(PROVIDED DATA Opens)
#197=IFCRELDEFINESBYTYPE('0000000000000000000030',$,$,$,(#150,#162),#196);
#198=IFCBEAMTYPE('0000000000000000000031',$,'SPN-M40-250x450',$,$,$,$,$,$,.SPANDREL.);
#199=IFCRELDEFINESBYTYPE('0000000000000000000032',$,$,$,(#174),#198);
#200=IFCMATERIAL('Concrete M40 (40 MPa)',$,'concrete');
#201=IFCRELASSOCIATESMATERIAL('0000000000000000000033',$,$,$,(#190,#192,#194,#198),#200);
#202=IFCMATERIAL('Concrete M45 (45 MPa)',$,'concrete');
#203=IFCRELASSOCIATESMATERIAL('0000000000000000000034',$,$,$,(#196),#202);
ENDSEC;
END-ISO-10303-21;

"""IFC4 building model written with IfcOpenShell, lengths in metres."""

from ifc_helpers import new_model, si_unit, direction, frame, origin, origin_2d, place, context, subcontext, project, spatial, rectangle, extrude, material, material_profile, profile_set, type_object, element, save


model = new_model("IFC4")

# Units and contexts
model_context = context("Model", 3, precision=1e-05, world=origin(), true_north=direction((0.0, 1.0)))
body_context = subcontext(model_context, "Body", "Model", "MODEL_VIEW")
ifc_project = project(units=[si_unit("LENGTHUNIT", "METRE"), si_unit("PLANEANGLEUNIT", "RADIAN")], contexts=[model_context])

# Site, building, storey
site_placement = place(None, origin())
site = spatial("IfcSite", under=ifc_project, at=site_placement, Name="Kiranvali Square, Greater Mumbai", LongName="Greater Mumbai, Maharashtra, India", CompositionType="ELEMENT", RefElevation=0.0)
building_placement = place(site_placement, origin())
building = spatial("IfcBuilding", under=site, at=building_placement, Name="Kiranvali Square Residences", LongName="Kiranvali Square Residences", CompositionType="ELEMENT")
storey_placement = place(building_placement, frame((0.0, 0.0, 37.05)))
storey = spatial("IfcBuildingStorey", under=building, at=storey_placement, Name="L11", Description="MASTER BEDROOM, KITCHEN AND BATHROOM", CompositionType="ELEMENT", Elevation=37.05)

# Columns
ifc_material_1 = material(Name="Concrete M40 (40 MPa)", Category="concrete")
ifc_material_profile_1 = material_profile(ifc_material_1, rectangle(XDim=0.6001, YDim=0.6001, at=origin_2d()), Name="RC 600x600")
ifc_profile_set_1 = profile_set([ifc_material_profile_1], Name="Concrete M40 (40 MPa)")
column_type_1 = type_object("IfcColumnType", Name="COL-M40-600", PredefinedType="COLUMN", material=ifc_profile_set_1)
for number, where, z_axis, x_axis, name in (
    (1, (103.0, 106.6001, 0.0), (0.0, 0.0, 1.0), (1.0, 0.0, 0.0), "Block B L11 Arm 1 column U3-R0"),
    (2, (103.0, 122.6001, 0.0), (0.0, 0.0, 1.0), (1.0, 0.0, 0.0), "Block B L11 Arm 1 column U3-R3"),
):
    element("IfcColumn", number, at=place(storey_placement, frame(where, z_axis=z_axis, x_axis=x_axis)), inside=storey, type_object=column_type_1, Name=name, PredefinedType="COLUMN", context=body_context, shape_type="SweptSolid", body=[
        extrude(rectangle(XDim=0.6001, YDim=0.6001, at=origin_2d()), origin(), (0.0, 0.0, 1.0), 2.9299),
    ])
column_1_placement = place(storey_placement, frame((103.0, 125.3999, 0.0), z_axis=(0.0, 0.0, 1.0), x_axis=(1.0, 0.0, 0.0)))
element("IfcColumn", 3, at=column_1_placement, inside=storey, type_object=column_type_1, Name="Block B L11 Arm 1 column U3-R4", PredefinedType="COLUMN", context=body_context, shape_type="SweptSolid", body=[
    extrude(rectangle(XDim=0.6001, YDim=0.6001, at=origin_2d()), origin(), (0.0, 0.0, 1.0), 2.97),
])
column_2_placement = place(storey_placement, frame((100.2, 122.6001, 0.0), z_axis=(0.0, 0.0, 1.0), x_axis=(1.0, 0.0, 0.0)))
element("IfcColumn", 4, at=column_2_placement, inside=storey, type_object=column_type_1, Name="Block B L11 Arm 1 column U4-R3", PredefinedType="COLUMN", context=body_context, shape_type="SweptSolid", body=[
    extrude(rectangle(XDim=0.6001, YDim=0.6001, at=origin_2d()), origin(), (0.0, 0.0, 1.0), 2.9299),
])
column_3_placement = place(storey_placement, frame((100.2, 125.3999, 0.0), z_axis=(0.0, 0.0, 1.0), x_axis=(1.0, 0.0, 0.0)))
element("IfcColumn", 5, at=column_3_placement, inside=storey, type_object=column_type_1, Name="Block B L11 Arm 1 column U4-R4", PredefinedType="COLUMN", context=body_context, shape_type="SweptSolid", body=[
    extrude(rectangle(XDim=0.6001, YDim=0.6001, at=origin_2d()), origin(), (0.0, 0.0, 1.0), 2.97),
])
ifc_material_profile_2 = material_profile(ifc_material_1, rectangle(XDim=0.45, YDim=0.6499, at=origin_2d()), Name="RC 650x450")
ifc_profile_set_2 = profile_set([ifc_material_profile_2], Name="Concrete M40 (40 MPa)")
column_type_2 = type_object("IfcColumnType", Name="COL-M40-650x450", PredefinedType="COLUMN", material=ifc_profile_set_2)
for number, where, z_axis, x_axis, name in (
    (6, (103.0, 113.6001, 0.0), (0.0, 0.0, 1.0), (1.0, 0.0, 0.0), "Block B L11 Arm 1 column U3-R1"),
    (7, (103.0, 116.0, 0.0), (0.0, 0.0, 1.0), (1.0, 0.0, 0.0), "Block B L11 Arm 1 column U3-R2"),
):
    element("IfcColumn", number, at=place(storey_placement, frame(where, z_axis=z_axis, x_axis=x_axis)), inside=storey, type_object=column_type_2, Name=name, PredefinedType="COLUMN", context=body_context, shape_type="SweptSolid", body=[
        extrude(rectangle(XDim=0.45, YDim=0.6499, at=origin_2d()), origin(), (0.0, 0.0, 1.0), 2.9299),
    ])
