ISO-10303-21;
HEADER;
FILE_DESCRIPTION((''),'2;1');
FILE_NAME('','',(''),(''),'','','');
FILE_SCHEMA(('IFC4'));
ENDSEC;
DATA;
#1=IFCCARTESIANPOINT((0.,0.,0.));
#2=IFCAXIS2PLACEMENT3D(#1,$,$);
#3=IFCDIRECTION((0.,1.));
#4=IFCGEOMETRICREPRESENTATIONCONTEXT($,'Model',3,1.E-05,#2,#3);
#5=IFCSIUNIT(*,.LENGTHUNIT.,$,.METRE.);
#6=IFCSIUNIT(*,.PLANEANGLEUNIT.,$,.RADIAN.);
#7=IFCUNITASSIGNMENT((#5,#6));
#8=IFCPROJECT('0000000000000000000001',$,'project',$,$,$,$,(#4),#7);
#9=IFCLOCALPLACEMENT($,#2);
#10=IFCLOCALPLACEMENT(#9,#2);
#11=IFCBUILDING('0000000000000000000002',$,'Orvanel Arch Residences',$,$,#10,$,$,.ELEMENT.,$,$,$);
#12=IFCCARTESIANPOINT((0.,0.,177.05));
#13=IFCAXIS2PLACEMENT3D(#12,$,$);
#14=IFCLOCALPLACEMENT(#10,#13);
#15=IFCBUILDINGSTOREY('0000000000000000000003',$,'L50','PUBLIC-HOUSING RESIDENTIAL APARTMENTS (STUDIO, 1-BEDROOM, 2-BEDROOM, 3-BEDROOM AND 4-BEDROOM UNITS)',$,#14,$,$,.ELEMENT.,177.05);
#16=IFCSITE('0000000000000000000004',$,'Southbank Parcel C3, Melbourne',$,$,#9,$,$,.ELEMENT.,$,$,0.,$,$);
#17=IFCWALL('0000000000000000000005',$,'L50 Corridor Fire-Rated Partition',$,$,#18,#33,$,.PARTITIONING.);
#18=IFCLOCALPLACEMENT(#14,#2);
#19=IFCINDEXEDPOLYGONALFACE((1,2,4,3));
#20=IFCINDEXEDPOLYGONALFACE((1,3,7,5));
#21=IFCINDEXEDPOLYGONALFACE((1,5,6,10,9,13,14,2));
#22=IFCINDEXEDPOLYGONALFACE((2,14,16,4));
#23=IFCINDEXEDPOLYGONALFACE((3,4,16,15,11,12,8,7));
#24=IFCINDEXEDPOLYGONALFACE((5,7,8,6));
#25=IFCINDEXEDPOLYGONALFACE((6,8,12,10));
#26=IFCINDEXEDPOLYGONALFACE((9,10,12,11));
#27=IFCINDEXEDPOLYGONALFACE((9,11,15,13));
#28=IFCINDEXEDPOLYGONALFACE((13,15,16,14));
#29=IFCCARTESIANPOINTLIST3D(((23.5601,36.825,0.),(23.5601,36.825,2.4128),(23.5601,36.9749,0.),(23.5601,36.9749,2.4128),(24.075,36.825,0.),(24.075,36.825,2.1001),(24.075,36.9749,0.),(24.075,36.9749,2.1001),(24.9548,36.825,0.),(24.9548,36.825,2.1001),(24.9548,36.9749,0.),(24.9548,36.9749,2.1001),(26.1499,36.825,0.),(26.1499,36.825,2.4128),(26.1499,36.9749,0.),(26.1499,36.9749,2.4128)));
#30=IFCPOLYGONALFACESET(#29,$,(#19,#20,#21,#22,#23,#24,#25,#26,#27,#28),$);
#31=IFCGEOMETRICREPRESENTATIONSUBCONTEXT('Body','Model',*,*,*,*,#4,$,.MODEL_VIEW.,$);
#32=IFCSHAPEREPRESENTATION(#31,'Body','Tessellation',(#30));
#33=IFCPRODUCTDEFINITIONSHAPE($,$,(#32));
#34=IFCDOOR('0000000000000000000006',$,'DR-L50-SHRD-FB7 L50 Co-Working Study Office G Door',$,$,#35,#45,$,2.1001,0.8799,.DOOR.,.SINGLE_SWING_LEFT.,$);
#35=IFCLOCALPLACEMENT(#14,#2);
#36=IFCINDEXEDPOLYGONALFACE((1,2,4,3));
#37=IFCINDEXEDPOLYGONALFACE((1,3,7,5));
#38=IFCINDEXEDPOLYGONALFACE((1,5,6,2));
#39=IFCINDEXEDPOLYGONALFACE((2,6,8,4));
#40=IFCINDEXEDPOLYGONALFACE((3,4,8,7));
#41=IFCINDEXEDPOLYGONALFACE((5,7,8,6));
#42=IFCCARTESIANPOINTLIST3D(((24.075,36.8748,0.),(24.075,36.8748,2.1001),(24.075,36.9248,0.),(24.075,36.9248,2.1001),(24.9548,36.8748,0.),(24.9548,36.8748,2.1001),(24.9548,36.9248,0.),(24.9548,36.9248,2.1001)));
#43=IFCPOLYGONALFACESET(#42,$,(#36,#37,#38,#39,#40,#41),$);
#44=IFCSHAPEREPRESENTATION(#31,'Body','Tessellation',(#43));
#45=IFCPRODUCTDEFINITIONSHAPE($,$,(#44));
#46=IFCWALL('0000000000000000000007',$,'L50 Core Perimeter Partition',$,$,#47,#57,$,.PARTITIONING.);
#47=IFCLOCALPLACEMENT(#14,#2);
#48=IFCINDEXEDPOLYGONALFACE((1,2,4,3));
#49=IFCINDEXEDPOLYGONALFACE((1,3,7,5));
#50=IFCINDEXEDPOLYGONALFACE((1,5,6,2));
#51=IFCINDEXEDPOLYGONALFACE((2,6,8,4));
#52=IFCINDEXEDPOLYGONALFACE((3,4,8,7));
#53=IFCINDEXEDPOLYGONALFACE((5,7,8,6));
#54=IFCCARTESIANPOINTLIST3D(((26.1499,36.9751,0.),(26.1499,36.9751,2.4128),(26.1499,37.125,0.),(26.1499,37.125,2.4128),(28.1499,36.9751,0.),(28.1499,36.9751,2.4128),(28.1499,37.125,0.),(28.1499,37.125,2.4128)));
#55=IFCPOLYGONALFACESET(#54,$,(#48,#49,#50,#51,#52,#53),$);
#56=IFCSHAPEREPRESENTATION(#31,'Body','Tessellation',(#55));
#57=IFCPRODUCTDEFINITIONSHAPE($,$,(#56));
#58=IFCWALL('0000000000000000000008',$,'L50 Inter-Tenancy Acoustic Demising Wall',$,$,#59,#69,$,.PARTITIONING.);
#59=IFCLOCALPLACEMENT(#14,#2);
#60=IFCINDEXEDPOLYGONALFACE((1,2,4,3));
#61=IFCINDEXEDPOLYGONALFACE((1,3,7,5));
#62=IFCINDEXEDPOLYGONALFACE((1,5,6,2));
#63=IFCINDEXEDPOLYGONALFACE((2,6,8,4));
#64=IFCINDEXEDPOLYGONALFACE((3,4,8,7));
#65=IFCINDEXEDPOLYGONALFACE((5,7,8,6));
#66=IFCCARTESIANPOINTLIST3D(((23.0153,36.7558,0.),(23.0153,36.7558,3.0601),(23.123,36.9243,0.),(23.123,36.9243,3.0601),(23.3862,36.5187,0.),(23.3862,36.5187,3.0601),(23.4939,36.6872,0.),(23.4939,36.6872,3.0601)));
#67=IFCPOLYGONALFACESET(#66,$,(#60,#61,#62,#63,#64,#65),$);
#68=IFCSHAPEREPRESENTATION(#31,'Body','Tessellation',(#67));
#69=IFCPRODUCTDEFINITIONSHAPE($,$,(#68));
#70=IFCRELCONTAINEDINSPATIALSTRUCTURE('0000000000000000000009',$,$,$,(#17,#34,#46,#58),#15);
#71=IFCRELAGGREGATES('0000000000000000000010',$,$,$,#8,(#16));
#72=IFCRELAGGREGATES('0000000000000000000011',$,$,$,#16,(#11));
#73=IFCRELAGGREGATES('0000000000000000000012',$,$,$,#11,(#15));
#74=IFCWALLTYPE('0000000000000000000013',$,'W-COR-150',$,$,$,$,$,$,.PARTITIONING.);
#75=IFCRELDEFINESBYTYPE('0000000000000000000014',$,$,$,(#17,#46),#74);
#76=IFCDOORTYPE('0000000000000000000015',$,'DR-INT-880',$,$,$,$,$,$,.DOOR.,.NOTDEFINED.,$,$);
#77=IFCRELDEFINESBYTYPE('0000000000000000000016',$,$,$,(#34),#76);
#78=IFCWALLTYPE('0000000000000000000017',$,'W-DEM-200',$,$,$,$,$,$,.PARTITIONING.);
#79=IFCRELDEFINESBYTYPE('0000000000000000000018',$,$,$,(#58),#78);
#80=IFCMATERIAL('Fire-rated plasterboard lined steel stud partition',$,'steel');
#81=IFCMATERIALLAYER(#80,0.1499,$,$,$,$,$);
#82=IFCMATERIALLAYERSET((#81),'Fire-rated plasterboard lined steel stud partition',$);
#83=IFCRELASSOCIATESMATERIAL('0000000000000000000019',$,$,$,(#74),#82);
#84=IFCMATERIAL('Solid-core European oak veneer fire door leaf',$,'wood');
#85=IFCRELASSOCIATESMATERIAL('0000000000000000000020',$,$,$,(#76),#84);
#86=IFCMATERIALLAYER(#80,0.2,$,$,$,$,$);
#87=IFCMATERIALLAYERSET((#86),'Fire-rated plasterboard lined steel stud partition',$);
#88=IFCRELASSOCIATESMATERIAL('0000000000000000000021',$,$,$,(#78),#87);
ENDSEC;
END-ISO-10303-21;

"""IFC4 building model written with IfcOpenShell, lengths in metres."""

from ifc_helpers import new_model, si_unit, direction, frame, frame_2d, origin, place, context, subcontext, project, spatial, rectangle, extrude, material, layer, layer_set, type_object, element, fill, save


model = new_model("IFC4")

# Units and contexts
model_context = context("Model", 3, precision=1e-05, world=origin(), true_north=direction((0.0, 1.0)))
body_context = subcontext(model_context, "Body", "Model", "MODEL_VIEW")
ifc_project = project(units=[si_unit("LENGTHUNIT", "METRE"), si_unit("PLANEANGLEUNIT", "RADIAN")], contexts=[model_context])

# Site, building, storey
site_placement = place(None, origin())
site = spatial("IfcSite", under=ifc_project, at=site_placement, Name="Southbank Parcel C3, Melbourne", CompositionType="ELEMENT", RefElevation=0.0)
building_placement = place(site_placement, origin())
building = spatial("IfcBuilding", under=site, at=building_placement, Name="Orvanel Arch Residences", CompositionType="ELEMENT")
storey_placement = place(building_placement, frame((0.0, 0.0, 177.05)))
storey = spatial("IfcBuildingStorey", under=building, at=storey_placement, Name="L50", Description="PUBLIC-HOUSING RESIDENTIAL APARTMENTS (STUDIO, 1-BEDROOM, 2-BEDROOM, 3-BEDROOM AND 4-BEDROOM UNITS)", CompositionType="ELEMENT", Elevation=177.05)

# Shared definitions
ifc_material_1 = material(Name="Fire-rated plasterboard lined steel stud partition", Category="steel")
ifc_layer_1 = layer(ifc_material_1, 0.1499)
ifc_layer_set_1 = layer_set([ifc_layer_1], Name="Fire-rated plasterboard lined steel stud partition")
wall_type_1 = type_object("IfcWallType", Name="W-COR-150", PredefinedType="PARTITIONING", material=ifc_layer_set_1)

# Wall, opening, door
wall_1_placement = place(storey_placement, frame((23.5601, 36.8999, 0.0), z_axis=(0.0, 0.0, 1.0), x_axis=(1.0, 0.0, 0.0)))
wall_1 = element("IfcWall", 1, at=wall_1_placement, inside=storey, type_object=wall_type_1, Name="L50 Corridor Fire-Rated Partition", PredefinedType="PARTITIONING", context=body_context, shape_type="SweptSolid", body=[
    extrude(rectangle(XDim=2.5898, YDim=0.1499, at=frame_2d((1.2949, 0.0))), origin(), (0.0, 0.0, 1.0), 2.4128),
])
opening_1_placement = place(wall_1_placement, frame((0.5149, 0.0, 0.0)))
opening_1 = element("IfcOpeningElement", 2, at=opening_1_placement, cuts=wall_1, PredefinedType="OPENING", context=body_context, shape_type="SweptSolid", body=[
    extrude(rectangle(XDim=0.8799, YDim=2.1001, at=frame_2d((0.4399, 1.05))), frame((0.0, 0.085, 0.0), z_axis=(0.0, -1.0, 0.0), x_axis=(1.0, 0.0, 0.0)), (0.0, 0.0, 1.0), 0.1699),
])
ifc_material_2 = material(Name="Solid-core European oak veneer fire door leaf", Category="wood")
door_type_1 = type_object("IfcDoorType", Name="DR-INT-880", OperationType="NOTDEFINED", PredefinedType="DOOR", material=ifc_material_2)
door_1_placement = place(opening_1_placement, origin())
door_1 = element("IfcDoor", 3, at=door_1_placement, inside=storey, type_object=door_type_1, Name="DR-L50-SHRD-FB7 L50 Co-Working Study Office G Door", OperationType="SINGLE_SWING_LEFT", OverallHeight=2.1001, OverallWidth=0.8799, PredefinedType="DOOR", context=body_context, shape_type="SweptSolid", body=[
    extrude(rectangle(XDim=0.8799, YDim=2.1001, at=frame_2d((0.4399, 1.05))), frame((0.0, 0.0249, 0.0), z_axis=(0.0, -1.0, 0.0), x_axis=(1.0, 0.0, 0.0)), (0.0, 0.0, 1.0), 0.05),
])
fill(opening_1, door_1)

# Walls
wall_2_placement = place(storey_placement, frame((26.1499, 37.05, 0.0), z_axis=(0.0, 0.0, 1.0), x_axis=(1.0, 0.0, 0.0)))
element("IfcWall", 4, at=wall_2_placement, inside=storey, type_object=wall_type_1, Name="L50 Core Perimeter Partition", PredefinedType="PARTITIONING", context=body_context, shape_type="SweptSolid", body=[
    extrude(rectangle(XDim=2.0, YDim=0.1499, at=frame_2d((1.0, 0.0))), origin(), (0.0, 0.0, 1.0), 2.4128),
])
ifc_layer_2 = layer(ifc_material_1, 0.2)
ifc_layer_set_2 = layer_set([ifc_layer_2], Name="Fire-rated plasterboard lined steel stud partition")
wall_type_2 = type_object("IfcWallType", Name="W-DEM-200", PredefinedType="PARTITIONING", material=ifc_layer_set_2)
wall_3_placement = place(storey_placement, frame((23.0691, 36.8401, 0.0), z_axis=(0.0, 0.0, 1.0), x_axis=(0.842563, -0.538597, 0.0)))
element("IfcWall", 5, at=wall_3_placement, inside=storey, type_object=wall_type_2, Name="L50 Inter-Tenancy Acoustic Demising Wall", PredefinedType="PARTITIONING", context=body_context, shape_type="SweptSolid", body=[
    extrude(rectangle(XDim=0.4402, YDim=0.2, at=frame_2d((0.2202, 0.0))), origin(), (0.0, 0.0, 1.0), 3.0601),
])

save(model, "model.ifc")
(PROVIDED DATA Closes)
## YOUR INSTRUCTIONS
Where does the word "IFCRELASSOCIATESMATERIAL" show up in the material? Copy out each line that has it.

## WRITTEN RESPONSE
#201=IFCRELASSOCIATESMATERIAL('0000000000000000000033',$,$,$,(#190,#192,#194,#198),#200);
#203=IFCRELASSOCIATESMATERIAL('0000000000000000000034',$,$,$,(#196),#202);
#83=IFCRELASSOCIATESMATERIAL('0000000000000000000019',$,$,$,(#74),#82);
#85=IFCRELASSOCIATESMATERIAL('0000000000000000000020',$,$,$,(#76),#84);
#88=IFCRELASSOCIATESMATERIAL('0000000000000000000021',$,$,$,(#78),#87);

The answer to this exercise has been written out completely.